# Activity:
Among the lines below, some may contain the string "IFCRELASSOCIATESMATERIAL". Say how many do, and give nothing besides the number.
== Segment start ==
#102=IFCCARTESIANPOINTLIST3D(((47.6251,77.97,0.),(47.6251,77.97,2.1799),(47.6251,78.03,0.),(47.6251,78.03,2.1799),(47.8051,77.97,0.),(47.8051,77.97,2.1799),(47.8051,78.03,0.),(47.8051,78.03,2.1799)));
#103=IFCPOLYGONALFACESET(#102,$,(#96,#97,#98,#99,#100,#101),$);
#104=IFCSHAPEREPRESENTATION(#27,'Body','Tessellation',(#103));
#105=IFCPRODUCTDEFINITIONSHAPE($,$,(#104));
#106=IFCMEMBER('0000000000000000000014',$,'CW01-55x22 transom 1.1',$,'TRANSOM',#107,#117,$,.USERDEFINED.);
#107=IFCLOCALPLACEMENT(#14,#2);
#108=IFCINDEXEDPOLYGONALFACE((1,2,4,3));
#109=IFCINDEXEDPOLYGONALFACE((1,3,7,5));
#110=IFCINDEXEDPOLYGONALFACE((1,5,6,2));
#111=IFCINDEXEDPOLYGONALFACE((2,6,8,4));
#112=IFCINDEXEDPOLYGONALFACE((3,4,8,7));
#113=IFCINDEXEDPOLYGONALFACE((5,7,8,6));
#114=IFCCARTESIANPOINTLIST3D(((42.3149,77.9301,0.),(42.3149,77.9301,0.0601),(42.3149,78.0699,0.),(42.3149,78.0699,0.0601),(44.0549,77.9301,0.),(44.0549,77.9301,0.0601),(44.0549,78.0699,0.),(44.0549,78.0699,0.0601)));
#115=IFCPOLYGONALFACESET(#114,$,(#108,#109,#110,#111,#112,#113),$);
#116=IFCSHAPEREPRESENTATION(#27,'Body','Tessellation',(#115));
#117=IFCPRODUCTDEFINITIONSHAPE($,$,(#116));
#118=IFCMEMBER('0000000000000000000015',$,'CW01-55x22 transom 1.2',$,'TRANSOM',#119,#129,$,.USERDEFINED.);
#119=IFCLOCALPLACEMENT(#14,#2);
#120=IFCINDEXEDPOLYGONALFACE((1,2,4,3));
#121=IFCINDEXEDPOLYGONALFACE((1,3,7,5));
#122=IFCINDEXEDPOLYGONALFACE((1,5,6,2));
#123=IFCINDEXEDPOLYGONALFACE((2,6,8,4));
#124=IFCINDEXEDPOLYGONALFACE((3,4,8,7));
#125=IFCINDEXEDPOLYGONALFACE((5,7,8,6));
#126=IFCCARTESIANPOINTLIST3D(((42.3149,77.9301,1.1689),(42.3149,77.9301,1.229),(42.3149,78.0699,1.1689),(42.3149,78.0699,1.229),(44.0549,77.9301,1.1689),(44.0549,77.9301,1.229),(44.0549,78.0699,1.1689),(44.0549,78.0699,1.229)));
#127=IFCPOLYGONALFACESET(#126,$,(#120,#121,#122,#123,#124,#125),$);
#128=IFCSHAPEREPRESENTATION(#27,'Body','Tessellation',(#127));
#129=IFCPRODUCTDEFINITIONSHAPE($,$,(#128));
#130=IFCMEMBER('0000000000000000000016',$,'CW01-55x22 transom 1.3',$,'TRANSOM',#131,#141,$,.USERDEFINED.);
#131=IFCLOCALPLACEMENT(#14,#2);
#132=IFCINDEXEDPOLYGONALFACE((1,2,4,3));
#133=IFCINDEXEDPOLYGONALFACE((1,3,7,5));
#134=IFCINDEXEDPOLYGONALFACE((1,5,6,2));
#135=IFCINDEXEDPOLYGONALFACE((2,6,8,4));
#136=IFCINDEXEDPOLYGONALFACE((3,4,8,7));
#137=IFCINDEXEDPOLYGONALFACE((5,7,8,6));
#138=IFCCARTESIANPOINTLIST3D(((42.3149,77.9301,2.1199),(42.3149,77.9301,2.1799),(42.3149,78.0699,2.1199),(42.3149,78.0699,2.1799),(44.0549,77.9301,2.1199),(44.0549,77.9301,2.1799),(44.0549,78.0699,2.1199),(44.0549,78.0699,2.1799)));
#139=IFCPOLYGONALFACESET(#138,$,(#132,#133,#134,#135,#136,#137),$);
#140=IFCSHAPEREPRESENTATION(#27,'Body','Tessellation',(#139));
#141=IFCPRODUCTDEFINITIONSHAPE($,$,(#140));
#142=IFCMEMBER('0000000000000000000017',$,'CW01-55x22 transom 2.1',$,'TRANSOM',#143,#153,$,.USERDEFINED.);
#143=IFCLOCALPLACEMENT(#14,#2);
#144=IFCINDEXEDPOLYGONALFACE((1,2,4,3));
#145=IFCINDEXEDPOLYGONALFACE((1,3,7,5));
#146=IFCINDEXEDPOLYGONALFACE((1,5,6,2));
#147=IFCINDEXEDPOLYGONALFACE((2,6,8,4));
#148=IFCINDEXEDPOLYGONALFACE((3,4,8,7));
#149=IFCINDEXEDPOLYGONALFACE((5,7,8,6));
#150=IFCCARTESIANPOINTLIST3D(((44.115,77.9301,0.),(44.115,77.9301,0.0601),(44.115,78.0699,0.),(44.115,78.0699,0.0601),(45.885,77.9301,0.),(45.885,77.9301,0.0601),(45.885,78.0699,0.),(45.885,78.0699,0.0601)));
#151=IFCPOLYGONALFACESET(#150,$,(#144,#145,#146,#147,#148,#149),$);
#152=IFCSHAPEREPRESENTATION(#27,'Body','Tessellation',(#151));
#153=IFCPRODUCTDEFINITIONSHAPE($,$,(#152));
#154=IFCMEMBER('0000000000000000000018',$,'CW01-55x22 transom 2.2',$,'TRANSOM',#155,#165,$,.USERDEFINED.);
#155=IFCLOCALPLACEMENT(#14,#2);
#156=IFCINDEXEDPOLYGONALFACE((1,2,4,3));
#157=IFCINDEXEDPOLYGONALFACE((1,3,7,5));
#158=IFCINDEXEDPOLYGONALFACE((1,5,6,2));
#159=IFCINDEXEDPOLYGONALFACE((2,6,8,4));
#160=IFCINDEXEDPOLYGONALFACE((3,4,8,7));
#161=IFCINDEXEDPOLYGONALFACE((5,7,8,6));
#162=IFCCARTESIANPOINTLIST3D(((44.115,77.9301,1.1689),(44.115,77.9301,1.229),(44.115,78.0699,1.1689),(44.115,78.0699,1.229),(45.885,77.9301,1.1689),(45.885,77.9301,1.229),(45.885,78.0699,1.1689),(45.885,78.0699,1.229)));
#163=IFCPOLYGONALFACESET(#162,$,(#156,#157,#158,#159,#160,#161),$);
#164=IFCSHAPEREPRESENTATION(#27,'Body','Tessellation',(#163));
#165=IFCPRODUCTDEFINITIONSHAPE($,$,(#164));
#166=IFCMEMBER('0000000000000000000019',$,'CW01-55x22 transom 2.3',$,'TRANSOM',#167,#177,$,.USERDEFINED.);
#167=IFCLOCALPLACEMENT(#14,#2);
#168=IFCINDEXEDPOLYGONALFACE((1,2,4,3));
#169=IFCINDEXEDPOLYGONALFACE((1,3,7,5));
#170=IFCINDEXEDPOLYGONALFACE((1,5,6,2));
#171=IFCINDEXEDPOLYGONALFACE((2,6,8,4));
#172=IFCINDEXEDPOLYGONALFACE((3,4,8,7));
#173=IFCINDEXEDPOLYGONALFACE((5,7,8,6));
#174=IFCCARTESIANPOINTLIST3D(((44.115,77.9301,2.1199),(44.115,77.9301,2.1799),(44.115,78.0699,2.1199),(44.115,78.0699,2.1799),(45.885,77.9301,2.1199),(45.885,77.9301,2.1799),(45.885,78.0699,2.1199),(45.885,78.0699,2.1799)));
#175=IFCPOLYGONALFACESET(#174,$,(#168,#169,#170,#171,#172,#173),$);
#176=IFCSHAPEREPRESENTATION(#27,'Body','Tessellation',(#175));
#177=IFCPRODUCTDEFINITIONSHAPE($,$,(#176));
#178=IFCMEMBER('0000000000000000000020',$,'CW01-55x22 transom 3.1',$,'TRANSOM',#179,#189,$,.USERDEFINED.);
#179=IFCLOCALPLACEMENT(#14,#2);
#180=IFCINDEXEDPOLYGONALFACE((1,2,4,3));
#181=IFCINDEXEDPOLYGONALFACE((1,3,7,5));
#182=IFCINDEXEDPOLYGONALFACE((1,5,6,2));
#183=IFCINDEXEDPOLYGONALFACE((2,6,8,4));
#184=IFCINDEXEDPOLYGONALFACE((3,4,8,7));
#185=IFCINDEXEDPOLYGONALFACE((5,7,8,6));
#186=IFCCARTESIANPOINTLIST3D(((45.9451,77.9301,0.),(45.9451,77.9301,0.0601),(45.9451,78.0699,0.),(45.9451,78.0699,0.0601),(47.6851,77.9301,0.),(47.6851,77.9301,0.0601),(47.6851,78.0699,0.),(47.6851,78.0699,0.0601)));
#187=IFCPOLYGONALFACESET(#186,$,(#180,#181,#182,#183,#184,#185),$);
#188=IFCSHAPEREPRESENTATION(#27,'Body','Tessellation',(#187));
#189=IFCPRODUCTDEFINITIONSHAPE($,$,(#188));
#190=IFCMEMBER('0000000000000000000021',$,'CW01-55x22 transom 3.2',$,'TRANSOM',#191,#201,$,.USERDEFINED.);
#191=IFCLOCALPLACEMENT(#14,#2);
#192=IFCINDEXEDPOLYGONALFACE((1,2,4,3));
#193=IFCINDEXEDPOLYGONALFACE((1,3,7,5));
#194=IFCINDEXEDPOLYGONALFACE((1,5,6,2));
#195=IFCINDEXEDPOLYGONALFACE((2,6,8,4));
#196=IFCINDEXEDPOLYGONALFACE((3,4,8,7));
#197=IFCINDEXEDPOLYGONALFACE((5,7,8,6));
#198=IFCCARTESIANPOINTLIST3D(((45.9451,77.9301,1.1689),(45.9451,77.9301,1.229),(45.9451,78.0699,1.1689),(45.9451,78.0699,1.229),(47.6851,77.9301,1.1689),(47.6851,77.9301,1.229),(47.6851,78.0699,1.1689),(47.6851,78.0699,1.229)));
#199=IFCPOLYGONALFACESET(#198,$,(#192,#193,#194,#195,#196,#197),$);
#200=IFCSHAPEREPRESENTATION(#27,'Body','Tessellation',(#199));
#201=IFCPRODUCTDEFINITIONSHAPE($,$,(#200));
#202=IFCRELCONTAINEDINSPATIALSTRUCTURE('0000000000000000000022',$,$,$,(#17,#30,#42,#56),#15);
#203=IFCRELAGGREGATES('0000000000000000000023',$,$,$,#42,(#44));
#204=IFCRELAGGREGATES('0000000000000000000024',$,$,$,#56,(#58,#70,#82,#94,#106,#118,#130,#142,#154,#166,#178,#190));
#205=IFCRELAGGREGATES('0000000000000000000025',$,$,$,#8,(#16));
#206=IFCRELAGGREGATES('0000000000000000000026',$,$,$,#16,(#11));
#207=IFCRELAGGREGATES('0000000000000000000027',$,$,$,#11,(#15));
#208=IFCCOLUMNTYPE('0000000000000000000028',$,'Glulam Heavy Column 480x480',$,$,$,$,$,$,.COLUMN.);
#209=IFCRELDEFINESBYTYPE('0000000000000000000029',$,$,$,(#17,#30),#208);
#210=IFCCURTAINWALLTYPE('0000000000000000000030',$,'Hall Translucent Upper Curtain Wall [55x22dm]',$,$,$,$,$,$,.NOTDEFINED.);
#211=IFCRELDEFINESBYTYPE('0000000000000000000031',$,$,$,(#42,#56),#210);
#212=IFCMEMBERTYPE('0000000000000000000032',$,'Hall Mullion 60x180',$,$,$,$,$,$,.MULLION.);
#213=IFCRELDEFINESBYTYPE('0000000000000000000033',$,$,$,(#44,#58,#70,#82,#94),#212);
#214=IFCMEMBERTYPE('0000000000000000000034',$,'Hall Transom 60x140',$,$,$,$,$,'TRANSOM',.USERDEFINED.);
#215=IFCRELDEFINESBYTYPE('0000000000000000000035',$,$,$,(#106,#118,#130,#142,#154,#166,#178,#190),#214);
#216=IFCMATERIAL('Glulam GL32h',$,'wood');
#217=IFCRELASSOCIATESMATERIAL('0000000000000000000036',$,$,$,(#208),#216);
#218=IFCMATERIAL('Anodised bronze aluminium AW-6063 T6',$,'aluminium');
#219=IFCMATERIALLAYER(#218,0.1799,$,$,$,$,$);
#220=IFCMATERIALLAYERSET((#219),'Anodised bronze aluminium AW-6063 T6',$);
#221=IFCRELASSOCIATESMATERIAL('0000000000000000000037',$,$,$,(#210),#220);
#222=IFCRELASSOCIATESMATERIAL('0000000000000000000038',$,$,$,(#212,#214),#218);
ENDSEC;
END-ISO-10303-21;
== Segment end ==
# Task output:
3